_WHAT IS EXPECTED_
Copy out the lines of the material that include the string "Namib".

_INPUT_
_ _ _ _

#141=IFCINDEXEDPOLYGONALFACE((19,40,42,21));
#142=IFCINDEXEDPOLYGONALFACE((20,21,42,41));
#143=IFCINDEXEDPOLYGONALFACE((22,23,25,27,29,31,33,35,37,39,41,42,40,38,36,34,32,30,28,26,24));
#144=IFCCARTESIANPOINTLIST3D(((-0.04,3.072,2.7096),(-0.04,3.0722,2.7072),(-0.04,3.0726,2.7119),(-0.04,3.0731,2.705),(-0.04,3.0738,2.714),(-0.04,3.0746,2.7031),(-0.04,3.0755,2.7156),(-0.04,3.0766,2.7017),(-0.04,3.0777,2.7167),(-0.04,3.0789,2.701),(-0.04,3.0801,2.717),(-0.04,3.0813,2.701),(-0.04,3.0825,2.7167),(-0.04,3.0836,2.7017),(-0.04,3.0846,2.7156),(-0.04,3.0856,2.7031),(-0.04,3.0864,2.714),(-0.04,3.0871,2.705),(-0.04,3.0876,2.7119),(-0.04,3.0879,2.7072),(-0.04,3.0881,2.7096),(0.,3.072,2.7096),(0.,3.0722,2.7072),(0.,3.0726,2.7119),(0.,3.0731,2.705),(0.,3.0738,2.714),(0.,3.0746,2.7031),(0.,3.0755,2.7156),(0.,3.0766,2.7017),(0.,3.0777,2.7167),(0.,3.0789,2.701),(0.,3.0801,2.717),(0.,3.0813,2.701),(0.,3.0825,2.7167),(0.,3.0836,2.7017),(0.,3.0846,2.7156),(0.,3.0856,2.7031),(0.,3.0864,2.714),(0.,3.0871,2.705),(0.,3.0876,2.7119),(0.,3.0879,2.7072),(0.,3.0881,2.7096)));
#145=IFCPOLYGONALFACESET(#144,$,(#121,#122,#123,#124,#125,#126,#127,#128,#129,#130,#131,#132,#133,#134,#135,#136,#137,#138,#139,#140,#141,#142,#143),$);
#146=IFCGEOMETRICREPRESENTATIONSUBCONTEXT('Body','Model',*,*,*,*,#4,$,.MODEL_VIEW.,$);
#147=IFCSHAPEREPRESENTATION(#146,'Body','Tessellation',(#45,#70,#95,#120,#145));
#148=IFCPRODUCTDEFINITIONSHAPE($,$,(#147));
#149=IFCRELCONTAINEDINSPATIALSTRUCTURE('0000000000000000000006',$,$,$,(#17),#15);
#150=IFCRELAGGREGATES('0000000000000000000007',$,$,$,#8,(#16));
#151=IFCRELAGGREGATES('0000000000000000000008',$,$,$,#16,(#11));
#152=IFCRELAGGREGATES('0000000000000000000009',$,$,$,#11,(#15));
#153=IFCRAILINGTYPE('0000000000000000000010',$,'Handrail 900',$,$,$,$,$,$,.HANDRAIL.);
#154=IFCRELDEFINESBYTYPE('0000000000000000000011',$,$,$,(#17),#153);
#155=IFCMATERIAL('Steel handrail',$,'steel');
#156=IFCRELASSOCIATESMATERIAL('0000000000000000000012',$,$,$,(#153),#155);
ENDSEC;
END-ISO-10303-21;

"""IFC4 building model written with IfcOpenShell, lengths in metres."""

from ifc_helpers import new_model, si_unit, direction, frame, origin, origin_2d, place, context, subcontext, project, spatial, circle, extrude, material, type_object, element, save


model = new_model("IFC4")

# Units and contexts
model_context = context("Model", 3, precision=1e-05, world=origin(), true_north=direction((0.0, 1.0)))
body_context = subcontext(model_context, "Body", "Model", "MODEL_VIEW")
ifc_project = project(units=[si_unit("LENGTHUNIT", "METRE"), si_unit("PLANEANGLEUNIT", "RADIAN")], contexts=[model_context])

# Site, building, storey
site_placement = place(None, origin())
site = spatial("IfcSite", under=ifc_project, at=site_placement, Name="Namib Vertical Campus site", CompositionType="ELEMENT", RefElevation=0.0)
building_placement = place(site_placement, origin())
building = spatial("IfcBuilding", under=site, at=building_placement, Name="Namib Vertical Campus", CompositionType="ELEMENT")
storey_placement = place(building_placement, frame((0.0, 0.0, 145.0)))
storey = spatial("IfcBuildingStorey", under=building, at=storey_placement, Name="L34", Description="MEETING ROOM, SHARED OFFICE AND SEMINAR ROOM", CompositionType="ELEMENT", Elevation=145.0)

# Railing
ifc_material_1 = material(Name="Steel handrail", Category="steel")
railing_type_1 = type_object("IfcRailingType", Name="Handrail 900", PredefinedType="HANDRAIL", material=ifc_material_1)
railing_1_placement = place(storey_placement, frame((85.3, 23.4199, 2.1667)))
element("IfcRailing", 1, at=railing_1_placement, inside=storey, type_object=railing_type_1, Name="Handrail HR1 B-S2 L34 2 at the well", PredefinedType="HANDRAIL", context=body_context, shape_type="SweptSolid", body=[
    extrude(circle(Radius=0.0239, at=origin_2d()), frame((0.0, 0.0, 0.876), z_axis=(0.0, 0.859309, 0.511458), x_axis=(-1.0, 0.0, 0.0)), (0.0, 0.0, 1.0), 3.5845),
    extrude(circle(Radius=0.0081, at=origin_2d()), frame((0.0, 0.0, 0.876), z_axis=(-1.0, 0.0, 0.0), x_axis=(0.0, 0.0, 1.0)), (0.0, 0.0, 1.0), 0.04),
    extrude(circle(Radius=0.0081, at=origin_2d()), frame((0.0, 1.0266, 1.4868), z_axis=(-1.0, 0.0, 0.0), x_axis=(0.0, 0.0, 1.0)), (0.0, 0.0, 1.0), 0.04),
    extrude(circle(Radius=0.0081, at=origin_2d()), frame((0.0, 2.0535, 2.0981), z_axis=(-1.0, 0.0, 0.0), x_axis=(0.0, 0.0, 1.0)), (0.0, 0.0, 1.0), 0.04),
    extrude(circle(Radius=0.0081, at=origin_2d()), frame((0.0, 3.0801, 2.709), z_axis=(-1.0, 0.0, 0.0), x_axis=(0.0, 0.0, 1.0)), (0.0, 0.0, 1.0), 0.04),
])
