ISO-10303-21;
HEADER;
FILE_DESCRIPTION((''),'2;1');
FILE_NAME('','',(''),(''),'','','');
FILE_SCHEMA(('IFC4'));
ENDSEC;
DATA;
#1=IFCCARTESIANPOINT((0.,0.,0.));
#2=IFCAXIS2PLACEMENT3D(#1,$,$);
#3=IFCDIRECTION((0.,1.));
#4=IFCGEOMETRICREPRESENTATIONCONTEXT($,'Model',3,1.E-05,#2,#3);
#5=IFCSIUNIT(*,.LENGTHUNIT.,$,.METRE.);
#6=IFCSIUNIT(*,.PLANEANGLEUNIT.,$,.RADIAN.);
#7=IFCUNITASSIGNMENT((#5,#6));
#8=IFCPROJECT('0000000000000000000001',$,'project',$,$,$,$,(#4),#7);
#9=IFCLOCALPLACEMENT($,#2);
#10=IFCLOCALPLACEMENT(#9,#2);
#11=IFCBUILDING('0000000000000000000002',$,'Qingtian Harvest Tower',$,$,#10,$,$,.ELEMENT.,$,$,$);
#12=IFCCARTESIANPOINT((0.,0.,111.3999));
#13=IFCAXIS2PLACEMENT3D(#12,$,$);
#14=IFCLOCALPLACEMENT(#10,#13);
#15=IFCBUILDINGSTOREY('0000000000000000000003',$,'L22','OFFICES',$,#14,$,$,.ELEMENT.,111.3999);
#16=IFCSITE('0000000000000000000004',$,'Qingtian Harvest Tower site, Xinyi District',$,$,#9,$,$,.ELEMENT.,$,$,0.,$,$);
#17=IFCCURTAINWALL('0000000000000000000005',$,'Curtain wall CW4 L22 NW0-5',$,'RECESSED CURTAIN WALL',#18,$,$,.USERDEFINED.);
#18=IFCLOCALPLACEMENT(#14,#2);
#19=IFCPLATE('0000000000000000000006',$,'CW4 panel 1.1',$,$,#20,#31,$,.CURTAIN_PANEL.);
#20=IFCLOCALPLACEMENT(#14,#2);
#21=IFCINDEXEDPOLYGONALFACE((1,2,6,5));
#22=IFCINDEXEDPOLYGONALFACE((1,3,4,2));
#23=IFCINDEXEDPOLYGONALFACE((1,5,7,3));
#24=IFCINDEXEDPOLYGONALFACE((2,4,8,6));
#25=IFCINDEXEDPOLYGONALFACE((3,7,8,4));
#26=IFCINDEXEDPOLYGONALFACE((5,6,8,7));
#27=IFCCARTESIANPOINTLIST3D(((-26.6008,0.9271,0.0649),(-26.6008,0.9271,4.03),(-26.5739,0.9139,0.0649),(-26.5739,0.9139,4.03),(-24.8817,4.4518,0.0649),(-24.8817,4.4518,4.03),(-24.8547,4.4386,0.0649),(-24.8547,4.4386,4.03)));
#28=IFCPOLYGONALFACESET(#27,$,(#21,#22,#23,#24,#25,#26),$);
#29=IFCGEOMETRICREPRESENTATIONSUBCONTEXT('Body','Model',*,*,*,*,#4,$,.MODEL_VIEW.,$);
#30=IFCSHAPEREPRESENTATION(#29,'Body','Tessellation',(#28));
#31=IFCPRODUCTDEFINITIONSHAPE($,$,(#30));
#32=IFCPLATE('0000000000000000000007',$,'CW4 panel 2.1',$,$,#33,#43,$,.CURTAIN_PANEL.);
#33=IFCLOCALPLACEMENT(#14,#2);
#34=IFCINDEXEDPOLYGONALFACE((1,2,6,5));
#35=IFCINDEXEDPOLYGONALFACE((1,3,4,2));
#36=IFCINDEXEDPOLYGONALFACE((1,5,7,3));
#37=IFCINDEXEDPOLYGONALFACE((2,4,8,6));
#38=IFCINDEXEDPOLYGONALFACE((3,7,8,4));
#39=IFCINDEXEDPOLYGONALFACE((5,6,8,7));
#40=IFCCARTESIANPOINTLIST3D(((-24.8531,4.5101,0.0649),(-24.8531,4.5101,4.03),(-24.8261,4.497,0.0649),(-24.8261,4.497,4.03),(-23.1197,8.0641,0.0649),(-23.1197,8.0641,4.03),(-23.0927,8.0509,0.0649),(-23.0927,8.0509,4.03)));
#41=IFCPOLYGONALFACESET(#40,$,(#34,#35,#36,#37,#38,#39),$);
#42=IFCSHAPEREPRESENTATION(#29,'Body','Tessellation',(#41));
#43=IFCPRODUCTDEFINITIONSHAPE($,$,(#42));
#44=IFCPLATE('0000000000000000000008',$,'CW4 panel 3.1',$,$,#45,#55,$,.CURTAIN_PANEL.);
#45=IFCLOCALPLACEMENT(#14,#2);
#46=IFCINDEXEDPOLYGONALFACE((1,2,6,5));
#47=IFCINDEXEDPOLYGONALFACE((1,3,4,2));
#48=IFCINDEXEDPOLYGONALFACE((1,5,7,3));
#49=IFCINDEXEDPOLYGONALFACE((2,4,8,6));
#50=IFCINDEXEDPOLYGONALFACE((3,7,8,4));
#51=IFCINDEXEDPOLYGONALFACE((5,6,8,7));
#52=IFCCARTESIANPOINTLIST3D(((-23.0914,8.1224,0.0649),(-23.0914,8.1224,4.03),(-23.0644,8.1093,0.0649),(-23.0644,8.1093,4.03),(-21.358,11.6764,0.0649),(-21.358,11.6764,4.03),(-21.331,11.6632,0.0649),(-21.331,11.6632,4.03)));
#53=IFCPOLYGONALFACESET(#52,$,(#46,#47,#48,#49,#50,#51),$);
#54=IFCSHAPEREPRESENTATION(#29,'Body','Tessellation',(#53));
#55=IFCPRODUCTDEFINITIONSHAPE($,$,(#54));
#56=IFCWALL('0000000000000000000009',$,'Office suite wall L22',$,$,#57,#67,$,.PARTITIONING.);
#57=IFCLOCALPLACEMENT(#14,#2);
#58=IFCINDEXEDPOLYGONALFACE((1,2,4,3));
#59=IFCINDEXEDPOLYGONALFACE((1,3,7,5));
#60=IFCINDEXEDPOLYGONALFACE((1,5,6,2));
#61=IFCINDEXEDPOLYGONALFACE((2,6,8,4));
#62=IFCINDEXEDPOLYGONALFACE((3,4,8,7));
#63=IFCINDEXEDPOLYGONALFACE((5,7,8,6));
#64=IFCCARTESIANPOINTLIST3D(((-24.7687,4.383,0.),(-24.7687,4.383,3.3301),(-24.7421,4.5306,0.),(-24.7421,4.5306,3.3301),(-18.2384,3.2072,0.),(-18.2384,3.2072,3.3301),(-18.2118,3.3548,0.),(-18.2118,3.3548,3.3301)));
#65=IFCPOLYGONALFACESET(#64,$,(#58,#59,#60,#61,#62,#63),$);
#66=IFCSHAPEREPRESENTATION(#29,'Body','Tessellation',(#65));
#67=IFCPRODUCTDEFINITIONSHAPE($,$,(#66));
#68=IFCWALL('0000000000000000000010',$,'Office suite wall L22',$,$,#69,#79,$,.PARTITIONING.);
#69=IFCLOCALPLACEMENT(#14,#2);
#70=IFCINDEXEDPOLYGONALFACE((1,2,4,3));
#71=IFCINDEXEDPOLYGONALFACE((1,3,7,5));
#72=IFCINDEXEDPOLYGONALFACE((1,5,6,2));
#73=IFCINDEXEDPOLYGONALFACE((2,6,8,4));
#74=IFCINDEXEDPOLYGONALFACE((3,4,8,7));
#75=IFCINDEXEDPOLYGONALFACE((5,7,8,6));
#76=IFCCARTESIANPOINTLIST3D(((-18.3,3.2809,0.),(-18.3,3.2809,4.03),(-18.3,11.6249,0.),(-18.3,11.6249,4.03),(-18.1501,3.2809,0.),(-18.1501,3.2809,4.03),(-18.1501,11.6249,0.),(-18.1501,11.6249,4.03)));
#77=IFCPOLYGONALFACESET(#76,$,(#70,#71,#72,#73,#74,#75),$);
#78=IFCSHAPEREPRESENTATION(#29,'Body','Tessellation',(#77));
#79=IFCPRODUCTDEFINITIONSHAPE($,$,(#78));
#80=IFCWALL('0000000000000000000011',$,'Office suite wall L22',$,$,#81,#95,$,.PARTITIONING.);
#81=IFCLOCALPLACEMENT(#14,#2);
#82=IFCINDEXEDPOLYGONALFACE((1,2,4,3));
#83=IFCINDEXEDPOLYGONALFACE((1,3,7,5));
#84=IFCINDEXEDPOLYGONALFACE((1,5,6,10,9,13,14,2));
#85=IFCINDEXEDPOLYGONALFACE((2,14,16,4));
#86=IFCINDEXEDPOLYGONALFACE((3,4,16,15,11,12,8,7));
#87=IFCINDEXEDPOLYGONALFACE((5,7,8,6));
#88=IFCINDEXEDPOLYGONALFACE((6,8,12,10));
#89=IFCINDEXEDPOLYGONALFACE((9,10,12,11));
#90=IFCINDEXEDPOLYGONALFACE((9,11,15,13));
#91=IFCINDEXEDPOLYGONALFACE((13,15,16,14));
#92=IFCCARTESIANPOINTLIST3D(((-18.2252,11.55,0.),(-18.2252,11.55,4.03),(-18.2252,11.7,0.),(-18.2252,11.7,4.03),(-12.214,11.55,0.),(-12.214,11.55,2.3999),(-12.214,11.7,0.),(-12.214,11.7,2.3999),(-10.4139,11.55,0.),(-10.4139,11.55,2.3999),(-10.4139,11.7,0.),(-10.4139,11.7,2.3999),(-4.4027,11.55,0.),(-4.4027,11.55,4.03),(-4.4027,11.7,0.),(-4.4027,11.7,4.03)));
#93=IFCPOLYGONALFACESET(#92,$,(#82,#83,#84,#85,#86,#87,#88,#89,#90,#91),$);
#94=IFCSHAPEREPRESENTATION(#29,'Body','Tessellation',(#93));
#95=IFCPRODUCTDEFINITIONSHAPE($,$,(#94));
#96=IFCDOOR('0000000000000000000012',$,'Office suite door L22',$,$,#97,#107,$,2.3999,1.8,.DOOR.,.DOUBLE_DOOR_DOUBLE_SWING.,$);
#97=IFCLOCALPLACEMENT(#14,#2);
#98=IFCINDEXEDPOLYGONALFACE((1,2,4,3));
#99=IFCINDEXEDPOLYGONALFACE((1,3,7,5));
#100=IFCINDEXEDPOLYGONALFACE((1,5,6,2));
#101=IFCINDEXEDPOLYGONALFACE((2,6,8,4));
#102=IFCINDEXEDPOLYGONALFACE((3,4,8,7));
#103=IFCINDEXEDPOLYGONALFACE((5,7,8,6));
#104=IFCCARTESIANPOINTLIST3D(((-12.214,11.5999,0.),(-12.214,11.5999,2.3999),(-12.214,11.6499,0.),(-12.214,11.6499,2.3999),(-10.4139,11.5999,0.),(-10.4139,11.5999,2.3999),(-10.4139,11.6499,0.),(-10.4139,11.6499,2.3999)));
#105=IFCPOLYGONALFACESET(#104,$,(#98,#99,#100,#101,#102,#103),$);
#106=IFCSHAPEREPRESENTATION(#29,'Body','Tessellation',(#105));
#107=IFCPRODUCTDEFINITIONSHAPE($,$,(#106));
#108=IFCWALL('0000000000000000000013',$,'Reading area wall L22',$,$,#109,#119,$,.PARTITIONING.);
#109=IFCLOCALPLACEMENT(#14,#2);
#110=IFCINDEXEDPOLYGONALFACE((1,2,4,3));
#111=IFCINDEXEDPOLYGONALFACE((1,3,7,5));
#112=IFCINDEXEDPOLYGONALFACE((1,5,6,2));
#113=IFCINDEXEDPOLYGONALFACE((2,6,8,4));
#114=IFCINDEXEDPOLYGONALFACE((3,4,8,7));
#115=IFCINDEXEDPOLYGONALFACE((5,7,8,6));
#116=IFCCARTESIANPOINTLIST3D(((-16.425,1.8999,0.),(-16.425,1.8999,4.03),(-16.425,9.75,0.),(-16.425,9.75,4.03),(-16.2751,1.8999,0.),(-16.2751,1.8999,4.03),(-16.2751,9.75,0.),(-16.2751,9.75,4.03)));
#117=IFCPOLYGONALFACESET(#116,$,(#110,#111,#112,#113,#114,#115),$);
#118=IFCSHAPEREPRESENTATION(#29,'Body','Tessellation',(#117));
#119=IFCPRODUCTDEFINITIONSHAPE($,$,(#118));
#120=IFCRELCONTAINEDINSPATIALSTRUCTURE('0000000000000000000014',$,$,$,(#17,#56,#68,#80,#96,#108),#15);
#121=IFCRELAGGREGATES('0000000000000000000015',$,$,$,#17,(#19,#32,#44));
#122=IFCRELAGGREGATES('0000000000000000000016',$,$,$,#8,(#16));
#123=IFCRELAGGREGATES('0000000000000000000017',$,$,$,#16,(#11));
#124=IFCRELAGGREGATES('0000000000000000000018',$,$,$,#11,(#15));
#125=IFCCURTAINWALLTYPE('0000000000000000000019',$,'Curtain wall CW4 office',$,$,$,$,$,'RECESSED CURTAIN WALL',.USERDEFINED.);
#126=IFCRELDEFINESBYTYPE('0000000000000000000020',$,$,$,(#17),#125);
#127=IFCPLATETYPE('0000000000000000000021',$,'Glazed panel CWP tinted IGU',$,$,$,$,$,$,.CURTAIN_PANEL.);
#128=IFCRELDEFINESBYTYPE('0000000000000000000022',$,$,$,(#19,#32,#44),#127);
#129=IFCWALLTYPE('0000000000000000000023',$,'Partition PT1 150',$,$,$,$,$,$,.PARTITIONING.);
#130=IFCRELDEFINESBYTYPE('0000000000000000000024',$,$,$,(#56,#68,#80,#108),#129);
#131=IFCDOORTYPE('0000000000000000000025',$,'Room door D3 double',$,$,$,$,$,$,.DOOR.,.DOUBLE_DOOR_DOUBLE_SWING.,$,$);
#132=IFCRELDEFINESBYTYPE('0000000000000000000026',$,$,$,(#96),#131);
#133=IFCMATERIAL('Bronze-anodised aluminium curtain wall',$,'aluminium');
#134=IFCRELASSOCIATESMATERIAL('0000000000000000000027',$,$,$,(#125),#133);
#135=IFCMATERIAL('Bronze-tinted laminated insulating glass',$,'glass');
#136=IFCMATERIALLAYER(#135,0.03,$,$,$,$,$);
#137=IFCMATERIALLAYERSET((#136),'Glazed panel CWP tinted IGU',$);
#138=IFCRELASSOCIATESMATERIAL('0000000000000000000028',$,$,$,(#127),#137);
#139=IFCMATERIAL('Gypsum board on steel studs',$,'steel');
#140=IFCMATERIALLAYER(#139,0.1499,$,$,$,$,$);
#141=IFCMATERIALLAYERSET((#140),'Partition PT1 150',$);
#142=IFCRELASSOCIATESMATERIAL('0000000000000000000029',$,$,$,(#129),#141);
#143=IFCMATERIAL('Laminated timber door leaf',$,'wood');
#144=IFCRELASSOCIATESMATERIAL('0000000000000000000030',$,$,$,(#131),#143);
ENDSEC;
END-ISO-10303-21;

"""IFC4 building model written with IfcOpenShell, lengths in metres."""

from ifc_helpers import new_model, si_unit, direction, frame, frame_2d, origin, origin_2d, place, context, subcontext, project, spatial, rectangle, extrude, material, layer, layer_set, type_object, element, fill, aggregate, save


model = new_model("IFC4")

# Units and contexts
model_context = context("Model", 3, precision=1e-05, world=origin(), true_north=direction((0.0, 1.0)))
body_context = subcontext(model_context, "Body", "Model", "MODEL_VIEW")
ifc_project = project(units=[si_unit("LENGTHUNIT", "METRE"), si_unit("PLANEANGLEUNIT", "RADIAN")], contexts=[model_context])

# Site, building, storey
site_placement = place(None, origin())
site = spatial("IfcSite", under=ifc_project, at=site_placement, Name="Qingtian Harvest Tower site, Xinyi District", CompositionType="ELEMENT", RefElevation=0.0)
building_placement = place(site_placement, origin())
building = spatial("IfcBuilding", under=site, at=building_placement, Name="Qingtian Harvest Tower", CompositionType="ELEMENT")
storey_placement = place(building_placement, frame((0.0, 0.0, 111.3999)))
storey = spatial("IfcBuildingStorey", under=building, at=storey_placement, Name="L22", Description="OFFICES", CompositionType="ELEMENT", Elevation=111.3999)

# Shared definitions
ifc_material_1 = material(Name="Bronze-anodised aluminium curtain wall", Category="aluminium")
curtain_wall_type = type_object("IfcCurtainWallType", Name="Curtain wall CW4 office", ElementType="RECESSED CURTAIN WALL", PredefinedType="USERDEFINED", material=ifc_material_1)

# Curtain wall
curtain_wall_1_placement = place(storey_placement, origin())
curtain_wall_1 = element("IfcCurtainWall", 1, at=curtain_wall_1_placement, inside=storey, type_object=curtain_wall_type, Name="Curtain wall CW4 L22 NW0-5", ObjectType="RECESSED CURTAIN WALL", PredefinedType="USERDEFINED")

_ _ _ _

_SOLUTION FOR THIS EXERCISE_
site = spatial("IfcSite", under=ifc_project, at=site_placement, Name="Namib Vertical Campus site", CompositionType="ELEMENT", RefElevation=0.0)
building = spatial("IfcBuilding", under=site, at=building_placement, Name="Namib Vertical Campus", CompositionType="ELEMENT")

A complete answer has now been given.